→ **Assigned task**
Which of the lines in the listing that follows hold "IfcSite"? Pull each one out.

→ **Supplied material**

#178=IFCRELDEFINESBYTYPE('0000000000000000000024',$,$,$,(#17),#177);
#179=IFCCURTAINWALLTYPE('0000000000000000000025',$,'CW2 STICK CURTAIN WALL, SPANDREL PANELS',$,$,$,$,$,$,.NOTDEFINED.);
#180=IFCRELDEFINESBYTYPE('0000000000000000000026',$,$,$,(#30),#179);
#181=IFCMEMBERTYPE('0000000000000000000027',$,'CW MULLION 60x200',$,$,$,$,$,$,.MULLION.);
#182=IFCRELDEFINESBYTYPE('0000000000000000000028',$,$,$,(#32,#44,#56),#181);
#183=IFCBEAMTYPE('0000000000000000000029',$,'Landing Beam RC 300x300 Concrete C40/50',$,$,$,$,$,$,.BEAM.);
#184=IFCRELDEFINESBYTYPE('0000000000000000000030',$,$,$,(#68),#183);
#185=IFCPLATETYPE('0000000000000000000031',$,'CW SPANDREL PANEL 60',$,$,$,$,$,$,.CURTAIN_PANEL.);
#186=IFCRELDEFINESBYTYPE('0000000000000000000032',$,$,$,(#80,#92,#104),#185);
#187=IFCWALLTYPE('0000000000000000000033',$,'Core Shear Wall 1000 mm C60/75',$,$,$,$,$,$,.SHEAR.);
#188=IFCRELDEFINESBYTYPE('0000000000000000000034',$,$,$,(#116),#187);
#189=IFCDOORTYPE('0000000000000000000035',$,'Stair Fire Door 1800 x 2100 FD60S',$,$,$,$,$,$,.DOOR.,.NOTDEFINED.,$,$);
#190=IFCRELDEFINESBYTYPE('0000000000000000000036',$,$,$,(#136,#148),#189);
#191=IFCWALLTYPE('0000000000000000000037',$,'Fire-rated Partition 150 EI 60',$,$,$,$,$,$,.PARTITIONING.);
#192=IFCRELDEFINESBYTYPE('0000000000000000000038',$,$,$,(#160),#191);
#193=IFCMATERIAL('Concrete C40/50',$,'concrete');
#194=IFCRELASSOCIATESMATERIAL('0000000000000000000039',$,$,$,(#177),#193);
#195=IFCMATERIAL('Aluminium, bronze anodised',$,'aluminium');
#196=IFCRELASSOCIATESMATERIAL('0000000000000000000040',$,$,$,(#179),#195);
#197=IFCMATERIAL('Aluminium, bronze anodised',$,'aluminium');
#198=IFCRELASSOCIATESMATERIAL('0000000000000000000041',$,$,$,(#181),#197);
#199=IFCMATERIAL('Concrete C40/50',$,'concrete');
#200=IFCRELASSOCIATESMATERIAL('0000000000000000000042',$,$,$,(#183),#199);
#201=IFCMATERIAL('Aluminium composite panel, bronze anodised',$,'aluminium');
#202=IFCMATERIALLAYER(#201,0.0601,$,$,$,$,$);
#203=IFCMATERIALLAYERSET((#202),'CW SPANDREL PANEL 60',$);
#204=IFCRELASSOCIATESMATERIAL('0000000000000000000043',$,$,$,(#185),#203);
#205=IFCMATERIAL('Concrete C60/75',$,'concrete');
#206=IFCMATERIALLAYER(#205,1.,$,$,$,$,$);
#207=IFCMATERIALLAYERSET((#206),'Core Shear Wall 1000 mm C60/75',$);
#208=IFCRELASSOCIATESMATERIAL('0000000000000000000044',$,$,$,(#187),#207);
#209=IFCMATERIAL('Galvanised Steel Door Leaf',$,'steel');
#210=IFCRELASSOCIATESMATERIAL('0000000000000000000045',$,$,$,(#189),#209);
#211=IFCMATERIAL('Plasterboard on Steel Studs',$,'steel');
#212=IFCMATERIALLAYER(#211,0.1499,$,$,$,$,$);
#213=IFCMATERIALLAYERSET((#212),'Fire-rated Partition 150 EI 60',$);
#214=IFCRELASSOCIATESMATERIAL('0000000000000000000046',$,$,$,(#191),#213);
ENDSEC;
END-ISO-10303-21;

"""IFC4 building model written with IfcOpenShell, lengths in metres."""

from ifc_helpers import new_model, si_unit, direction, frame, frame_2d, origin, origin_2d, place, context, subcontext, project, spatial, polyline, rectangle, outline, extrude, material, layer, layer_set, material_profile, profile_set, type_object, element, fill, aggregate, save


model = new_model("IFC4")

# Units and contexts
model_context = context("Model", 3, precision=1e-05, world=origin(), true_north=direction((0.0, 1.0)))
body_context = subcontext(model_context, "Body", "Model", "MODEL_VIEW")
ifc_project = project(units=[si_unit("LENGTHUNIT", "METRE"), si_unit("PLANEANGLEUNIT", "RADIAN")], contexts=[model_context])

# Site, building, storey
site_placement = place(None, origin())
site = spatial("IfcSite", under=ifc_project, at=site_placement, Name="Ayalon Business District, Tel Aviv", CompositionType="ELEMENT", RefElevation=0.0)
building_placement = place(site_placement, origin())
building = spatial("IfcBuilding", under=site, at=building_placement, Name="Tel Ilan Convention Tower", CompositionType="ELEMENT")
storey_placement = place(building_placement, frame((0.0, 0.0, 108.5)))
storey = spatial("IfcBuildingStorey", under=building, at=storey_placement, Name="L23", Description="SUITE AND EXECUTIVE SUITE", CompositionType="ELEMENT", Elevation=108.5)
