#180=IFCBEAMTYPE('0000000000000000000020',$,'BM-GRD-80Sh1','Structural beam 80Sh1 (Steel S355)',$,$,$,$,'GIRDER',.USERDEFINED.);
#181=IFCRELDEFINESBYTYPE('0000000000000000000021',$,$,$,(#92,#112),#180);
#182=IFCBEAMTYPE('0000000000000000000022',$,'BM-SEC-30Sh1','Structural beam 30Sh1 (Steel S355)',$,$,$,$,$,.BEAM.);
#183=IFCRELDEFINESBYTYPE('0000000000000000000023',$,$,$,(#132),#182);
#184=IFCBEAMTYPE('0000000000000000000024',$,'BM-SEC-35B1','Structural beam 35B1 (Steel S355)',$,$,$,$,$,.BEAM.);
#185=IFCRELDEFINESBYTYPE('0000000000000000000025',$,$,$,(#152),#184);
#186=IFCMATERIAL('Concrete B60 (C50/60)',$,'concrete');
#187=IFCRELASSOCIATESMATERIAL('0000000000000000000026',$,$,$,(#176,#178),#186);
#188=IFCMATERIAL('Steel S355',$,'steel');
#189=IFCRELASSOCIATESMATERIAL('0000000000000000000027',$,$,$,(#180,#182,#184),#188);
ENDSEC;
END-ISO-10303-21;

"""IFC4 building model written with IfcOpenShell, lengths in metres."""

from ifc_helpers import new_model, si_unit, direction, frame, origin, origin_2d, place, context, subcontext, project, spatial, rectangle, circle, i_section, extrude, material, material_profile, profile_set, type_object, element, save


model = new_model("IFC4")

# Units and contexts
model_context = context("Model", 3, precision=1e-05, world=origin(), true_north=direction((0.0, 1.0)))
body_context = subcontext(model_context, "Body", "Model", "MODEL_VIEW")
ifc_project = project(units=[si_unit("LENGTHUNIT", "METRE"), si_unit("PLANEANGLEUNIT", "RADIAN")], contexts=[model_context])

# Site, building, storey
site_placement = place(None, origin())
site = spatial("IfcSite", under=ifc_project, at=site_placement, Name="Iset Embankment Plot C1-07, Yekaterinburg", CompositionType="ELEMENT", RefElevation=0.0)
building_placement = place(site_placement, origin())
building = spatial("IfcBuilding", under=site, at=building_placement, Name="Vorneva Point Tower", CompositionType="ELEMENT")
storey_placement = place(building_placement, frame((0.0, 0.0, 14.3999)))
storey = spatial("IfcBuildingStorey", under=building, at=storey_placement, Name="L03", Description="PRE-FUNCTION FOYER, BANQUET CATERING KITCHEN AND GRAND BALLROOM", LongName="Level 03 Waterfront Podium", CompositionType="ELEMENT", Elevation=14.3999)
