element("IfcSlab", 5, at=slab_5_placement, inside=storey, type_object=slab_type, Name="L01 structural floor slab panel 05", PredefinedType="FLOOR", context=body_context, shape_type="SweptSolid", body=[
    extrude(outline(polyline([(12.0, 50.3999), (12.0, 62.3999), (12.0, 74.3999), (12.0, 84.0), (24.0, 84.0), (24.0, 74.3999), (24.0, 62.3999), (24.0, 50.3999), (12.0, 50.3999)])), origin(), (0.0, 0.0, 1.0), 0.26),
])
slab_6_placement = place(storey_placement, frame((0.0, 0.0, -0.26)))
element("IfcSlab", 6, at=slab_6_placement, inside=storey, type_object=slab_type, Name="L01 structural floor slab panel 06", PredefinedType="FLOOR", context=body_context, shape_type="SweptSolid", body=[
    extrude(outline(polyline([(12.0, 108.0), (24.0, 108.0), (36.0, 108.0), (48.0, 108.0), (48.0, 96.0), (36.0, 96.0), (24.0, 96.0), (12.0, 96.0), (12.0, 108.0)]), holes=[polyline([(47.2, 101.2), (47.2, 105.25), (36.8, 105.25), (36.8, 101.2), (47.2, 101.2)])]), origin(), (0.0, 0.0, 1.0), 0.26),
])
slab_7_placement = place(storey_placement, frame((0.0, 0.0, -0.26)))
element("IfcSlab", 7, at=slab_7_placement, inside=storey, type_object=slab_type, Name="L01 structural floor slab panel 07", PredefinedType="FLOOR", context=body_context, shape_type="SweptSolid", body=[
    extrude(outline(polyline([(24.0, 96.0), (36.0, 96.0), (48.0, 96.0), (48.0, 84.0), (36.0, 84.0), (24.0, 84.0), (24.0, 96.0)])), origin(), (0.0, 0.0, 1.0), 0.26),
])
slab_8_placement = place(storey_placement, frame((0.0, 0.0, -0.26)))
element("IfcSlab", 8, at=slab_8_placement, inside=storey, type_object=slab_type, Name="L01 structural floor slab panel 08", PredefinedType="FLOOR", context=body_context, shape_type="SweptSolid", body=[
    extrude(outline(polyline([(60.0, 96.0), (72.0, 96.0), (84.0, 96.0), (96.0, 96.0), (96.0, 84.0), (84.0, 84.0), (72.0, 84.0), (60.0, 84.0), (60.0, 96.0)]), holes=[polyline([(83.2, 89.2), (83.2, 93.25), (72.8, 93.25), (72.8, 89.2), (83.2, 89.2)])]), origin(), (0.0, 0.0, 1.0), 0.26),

→ **Answer to the exercise**
site = spatial("IfcSite", under=ifc_project, at=site_placement, Name="Ayalon Business District, Tel Aviv", CompositionType="ELEMENT", RefElevation=0.0)
site = spatial("IfcSite", under=ifc_project, at=site_placement, Name="Iset Embankment Plot C1-07, Yekaterinburg", CompositionType="ELEMENT", RefElevation=0.0)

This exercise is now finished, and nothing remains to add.